**Activity**
Give the data again exactly, stopping after the "#125=IFCINDEXEDPOLYGONALFACE((5,7,8,6));" line.

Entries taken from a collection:
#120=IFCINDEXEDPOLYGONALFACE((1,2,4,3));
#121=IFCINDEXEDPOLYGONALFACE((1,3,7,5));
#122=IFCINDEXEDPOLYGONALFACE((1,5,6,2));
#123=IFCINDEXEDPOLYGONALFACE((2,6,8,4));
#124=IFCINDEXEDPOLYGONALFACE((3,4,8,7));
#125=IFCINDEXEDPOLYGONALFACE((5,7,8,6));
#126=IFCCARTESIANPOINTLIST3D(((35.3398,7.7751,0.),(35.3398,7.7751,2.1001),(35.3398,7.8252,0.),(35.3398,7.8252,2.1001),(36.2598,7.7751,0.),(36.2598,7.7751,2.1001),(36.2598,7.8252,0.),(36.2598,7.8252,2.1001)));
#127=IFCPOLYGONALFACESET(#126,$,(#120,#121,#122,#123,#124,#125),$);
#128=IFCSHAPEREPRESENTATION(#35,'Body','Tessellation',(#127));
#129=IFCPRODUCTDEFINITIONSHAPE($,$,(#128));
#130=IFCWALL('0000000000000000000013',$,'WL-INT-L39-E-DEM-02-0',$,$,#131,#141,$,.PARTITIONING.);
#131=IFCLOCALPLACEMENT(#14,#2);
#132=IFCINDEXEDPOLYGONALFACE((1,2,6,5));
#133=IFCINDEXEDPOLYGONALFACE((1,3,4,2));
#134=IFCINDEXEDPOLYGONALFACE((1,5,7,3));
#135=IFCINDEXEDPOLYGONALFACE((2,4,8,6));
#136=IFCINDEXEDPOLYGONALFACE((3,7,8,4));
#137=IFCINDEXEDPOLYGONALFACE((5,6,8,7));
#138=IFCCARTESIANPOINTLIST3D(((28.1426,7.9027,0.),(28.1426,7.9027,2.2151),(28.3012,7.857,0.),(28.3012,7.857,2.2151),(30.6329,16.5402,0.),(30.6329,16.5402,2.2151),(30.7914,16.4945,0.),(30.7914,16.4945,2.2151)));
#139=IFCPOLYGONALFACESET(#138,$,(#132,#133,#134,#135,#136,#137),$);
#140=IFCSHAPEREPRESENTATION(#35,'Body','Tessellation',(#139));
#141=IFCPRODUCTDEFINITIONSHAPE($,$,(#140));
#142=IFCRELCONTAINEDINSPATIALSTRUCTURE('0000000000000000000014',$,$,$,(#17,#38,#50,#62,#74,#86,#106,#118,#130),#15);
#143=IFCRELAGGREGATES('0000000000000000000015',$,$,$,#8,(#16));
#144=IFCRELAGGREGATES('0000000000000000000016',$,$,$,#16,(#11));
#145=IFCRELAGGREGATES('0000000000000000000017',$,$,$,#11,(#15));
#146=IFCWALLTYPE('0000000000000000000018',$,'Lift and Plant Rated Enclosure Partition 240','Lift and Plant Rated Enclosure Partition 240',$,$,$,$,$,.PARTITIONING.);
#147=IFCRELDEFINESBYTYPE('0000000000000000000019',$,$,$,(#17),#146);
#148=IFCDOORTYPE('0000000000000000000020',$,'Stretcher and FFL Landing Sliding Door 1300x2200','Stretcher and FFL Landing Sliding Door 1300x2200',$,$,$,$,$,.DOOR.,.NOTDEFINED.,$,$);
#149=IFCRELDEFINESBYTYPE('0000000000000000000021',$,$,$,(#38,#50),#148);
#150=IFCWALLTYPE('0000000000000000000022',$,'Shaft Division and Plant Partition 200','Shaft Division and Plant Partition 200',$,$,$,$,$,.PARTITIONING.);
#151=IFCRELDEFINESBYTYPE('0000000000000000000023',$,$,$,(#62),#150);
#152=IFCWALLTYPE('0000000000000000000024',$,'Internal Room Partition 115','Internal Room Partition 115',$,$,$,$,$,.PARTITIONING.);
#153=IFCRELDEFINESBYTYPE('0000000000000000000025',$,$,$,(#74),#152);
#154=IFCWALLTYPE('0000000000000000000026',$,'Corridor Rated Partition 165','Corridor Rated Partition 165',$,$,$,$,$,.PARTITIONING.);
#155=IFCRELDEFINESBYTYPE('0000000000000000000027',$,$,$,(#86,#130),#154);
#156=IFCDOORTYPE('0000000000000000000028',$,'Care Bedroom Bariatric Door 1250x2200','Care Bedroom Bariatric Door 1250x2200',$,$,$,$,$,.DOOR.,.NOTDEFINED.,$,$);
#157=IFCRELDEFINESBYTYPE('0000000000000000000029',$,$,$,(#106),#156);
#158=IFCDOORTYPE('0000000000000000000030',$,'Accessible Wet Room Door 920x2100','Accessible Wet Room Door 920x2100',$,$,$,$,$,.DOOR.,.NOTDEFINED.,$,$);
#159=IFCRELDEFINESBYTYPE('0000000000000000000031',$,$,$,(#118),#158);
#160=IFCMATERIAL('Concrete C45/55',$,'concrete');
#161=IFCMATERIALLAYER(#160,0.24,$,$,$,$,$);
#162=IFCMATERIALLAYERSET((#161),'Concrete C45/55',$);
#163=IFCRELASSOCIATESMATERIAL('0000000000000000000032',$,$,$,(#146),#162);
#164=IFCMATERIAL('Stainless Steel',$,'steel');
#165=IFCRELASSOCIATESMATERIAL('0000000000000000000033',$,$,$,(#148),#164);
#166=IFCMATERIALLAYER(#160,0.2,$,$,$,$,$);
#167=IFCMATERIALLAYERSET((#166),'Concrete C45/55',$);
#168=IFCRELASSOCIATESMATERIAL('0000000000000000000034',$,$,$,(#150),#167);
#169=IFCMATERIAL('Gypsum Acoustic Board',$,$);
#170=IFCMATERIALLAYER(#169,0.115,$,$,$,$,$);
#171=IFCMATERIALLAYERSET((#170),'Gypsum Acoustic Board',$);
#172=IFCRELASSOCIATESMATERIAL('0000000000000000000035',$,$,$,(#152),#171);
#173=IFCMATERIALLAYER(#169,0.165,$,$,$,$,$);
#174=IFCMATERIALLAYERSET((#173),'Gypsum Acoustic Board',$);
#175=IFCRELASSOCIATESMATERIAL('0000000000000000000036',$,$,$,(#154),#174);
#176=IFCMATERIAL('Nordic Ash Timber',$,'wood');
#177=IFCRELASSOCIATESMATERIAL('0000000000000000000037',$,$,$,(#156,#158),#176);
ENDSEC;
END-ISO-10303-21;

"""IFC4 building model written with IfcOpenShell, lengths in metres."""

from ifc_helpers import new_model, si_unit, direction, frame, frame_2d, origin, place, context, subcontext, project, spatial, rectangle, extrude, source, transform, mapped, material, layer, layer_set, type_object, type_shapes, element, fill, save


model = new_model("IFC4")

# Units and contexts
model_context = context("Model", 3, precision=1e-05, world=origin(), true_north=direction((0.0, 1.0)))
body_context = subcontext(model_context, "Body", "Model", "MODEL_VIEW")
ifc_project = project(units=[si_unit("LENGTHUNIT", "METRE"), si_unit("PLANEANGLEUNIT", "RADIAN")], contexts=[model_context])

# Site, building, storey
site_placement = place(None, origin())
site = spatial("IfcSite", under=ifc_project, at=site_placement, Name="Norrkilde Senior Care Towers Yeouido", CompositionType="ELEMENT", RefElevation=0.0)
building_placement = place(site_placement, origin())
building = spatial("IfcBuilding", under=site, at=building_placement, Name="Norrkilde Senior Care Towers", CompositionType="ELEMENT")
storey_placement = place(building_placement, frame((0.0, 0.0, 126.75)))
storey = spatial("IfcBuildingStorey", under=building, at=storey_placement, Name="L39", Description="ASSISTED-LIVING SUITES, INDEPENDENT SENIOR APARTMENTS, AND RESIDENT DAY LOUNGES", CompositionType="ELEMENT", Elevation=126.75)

**The completed task**
#120=IFCINDEXEDPOLYGONALFACE((1,2,4,3));
#121=IFCINDEXEDPOLYGONALFACE((1,3,7,5));
#122=IFCINDEXEDPOLYGONALFACE((1,5,6,2));
#123=IFCINDEXEDPOLYGONALFACE((2,6,8,4));
#124=IFCINDEXEDPOLYGONALFACE((3,4,8,7));
#125=IFCINDEXEDPOLYGONALFACE((5,7,8,6));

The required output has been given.